━━ Recorded data ━━
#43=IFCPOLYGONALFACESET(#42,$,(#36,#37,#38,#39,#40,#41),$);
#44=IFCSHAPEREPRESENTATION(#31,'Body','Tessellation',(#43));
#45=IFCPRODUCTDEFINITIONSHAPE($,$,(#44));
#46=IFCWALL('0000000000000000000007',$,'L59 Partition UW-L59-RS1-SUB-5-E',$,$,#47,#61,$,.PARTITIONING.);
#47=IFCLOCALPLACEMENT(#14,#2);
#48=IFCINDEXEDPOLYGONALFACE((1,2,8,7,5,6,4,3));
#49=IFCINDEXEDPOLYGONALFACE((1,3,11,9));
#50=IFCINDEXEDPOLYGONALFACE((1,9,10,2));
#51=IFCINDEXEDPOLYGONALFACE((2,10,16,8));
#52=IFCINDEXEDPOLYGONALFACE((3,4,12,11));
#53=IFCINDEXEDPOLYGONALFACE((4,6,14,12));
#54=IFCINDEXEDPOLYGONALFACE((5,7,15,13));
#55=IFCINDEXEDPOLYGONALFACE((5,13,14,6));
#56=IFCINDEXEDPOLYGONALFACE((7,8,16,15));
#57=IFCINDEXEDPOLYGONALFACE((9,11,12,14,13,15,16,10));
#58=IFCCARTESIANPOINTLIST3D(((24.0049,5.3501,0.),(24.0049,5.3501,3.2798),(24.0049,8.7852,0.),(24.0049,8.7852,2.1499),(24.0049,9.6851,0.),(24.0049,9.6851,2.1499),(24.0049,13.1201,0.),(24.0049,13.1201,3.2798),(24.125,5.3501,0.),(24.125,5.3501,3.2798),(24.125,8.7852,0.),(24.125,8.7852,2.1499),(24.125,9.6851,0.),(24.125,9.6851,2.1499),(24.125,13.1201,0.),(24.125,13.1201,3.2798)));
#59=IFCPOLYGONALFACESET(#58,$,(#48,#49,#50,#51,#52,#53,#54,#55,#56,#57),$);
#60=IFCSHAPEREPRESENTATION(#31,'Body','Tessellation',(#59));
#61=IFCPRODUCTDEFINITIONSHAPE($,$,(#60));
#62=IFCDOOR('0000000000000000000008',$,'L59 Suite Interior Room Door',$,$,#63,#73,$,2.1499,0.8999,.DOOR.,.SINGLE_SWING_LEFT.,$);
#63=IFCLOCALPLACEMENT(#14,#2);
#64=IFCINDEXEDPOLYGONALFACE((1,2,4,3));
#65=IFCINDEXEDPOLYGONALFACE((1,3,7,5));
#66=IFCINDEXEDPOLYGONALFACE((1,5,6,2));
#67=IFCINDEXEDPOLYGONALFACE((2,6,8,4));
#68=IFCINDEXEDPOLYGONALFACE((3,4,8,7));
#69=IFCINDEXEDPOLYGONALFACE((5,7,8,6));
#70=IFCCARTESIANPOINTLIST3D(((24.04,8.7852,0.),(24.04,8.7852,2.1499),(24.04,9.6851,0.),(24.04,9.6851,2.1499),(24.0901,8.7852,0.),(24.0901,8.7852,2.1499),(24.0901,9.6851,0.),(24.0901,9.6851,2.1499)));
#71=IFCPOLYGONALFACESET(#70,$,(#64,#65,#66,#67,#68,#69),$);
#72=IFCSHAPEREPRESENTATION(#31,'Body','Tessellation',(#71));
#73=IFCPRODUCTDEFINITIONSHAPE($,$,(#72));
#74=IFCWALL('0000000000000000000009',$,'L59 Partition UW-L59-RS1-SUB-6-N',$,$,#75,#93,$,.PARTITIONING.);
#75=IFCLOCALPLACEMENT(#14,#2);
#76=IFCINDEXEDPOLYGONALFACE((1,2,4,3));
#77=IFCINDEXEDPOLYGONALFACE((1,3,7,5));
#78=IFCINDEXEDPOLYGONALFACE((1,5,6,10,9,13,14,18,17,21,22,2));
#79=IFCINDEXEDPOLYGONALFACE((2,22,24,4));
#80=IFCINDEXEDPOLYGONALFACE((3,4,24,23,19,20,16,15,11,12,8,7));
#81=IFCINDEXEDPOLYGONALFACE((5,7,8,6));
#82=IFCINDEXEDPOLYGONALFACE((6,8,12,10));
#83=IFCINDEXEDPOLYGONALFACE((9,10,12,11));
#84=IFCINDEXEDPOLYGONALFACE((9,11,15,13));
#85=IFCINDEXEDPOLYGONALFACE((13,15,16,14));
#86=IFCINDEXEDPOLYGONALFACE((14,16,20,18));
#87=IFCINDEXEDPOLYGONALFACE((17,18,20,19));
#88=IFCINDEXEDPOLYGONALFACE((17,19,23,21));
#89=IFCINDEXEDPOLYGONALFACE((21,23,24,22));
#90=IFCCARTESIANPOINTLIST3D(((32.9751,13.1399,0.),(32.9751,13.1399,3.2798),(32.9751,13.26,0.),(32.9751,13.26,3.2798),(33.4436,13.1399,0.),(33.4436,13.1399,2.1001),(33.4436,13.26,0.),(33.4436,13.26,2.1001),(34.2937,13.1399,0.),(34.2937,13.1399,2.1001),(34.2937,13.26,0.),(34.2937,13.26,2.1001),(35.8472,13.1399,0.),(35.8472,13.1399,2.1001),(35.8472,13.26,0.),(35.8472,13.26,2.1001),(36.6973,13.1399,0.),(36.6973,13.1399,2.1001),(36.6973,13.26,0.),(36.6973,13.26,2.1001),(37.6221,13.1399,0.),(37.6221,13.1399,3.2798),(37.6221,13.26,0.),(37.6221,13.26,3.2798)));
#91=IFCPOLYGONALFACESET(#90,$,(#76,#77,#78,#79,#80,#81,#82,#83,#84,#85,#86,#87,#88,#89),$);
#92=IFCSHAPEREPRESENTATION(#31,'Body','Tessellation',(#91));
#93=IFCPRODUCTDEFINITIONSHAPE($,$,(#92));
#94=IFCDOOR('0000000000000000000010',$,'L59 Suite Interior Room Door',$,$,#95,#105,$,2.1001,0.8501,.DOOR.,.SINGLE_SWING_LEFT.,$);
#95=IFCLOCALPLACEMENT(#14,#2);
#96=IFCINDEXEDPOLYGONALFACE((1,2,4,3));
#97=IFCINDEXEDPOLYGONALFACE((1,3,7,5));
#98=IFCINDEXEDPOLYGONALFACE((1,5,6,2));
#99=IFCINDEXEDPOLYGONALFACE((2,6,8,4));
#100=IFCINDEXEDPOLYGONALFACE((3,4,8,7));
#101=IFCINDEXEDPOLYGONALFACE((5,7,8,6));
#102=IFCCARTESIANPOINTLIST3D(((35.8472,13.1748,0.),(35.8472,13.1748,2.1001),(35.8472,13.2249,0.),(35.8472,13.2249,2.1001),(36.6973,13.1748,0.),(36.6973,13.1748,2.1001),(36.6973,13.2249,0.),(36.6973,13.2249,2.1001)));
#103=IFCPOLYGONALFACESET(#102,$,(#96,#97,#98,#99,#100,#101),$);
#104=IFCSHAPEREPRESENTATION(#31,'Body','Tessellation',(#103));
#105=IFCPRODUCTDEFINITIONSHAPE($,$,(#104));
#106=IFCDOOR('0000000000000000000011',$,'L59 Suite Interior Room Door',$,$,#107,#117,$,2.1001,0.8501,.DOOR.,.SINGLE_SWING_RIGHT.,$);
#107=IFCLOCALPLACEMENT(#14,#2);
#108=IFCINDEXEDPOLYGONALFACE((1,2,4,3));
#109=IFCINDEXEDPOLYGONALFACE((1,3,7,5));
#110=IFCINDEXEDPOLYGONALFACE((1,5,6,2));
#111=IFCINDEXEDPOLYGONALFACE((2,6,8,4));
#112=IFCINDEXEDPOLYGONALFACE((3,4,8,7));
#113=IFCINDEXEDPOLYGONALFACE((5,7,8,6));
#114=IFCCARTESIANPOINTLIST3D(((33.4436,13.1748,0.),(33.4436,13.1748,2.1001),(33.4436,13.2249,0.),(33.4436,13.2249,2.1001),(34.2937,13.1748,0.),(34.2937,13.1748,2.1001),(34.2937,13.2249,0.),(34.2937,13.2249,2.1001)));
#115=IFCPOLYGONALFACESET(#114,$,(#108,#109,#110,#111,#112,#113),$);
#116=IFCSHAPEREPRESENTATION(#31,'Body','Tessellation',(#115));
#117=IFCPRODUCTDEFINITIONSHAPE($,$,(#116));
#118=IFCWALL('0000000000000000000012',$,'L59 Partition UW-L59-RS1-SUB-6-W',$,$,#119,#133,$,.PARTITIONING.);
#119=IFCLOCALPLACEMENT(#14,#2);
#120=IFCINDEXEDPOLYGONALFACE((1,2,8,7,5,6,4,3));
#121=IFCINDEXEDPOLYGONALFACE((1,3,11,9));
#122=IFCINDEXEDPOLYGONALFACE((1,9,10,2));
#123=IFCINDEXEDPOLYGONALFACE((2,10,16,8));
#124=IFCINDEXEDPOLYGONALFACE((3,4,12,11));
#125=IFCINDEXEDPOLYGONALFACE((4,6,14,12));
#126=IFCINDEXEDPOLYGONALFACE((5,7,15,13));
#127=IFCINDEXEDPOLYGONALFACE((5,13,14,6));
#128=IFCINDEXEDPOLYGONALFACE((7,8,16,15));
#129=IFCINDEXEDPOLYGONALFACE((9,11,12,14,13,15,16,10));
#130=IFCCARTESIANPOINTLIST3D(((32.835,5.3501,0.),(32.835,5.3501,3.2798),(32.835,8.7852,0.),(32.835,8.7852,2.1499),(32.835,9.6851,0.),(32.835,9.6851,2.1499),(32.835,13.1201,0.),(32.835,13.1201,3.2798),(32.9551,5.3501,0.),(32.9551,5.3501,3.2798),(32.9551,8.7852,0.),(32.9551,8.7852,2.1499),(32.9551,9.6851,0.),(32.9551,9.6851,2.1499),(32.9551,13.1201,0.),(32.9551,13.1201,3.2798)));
━━━
* [Task prompt]: Copy out each line of the listing that holds "Door".

* [Your solution]:
#62=IFCDOOR('0000000000000000000008',$,'L59 Suite Interior Room Door',$,$,#63,#73,$,2.1499,0.8999,.DOOR.,.SINGLE_SWING_LEFT.,$);
#94=IFCDOOR('0000000000000000000010',$,'L59 Suite Interior Room Door',$,$,#95,#105,$,2.1001,0.8501,.DOOR.,.SINGLE_SWING_LEFT.,$);
#106=IFCDOOR('0000000000000000000011',$,'L59 Suite Interior Room Door',$,$,#107,#117,$,2.1001,0.8501,.DOOR.,.SINGLE_SWING_RIGHT.,$);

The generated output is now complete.